[Work required]:
Give again the line that contains "fill(opening_2, door_2)", plus every line after it to the end of the records, unchanged.

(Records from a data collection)
# # # #

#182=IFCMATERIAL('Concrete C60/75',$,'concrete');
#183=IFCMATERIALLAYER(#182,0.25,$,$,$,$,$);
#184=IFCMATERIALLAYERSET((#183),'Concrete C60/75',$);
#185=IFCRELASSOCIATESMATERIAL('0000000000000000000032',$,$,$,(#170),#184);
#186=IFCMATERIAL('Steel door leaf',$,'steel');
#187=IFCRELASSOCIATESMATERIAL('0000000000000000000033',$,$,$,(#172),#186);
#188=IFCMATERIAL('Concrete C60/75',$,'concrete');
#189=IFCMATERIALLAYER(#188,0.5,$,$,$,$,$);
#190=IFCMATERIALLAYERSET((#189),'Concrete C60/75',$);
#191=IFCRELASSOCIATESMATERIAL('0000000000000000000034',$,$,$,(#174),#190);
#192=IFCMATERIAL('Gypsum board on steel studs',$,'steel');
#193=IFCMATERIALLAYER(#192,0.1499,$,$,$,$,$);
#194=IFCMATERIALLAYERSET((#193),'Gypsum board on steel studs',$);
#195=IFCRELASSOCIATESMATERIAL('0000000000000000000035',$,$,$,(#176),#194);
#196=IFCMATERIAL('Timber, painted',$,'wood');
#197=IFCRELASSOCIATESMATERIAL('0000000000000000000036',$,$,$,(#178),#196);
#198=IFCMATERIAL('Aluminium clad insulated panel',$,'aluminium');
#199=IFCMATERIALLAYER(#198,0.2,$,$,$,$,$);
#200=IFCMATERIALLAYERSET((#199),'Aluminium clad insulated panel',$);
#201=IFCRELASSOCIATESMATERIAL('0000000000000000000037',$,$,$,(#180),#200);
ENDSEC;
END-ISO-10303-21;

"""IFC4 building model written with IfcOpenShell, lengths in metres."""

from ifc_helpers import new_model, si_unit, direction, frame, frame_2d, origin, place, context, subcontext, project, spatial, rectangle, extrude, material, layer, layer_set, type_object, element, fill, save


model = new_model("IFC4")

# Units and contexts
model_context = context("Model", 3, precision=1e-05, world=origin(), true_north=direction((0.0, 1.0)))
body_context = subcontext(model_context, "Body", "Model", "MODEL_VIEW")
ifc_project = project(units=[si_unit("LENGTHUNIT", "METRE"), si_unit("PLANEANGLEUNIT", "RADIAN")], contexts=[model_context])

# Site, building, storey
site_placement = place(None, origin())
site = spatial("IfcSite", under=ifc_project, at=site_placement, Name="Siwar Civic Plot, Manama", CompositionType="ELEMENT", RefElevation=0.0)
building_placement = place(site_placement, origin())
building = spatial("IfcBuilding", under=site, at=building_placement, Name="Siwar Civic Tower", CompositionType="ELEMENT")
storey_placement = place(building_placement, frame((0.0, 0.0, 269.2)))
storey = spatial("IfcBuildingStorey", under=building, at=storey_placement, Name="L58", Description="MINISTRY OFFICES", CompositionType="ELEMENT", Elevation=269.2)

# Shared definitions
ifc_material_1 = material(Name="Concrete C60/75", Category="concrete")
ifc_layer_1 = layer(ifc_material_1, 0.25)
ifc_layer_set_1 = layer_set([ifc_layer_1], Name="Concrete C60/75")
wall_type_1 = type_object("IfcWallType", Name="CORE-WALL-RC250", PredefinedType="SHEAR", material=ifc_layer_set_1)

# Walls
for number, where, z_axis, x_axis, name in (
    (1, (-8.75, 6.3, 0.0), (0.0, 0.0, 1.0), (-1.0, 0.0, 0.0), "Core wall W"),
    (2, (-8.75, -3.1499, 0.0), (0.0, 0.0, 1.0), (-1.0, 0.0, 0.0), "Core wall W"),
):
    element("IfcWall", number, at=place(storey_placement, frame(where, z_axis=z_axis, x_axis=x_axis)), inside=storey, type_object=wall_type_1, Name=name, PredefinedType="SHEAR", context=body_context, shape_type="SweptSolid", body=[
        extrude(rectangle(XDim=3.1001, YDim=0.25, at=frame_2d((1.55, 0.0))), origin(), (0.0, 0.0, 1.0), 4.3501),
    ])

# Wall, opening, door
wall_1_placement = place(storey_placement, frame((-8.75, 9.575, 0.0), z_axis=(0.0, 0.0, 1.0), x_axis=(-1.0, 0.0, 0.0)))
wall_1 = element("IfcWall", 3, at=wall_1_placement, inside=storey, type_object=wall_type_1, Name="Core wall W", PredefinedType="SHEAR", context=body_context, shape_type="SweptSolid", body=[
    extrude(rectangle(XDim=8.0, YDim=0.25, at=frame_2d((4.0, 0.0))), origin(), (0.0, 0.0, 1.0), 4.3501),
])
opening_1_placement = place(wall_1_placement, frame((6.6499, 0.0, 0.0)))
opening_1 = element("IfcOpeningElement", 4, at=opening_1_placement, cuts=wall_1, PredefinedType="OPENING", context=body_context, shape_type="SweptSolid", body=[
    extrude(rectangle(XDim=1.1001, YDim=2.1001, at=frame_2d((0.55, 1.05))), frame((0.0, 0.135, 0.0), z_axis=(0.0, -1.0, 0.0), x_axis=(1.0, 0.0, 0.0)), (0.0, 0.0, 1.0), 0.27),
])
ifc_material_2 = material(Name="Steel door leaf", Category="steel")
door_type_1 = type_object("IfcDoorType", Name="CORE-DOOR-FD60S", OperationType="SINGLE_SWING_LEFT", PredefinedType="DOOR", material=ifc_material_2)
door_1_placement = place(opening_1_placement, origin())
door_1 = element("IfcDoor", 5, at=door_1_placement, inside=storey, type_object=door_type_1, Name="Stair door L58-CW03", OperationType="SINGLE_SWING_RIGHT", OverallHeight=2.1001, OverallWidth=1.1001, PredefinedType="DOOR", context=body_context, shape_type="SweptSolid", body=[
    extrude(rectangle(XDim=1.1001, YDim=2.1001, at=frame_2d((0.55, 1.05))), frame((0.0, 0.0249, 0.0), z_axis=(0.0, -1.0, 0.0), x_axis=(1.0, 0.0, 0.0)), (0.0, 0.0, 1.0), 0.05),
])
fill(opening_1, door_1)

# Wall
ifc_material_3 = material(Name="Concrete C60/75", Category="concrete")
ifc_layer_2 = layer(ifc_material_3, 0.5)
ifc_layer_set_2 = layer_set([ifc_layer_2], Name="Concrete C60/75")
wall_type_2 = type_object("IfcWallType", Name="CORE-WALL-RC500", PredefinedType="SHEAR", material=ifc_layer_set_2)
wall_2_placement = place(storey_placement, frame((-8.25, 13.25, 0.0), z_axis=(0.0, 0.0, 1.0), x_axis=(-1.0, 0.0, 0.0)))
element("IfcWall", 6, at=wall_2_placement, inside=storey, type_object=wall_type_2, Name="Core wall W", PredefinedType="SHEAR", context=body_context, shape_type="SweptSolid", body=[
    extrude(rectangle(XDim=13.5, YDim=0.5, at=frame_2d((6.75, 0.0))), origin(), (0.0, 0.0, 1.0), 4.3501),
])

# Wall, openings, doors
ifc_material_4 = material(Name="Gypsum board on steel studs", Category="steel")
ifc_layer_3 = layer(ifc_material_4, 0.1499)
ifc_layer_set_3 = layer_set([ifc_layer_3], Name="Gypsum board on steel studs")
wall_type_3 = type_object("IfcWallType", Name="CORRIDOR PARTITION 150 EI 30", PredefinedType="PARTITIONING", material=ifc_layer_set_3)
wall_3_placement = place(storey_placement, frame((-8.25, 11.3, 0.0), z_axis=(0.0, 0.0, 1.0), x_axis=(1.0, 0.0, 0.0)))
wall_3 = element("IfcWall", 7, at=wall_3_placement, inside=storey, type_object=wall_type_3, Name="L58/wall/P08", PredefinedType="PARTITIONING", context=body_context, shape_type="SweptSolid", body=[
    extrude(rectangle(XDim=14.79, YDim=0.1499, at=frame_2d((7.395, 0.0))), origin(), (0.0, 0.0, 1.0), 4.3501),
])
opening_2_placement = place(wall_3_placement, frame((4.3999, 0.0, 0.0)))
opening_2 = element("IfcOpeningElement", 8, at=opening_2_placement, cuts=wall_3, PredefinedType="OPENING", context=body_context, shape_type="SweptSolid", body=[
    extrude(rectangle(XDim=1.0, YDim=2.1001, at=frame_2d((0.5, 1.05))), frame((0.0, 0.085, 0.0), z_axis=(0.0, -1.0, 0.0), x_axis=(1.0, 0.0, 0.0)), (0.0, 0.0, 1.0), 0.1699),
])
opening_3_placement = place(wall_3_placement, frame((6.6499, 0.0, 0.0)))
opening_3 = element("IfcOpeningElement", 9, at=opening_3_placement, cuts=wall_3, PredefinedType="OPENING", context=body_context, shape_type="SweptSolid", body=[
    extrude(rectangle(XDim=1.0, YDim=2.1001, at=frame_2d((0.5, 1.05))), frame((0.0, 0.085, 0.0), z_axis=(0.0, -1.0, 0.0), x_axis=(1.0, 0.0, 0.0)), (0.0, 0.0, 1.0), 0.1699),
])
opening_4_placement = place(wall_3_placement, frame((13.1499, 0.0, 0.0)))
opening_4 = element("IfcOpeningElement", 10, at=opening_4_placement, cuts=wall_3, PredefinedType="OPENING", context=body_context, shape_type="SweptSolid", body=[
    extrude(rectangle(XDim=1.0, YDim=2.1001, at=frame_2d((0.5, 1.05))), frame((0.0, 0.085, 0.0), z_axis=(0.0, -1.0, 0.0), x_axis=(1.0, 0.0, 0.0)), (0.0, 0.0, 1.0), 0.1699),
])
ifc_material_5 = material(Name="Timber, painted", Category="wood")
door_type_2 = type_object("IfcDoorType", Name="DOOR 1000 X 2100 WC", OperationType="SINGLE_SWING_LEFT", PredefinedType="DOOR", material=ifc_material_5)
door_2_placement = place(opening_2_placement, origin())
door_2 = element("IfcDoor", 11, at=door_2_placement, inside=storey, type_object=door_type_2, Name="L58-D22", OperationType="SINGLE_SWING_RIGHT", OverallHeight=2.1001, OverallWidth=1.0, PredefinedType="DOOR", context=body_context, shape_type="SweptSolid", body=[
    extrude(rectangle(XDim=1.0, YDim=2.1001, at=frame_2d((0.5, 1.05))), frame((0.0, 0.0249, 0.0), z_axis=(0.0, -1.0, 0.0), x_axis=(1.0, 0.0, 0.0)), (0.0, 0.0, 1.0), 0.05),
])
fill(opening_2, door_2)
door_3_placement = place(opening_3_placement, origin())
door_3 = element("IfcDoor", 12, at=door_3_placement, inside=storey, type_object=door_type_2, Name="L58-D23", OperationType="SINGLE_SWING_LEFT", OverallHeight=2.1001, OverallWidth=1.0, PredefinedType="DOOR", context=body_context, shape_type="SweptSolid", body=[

# # # #

[Response to the exercise]:
fill(opening_2, door_2)
door_3_placement = place(opening_3_placement, origin())
door_3 = element("IfcDoor", 12, at=door_3_placement, inside=storey, type_object=door_type_2, Name="L58-D23", OperationType="SINGLE_SWING_LEFT", OverallHeight=2.1001, OverallWidth=1.0, PredefinedType="DOOR", context=body_context, shape_type="SweptSolid", body=[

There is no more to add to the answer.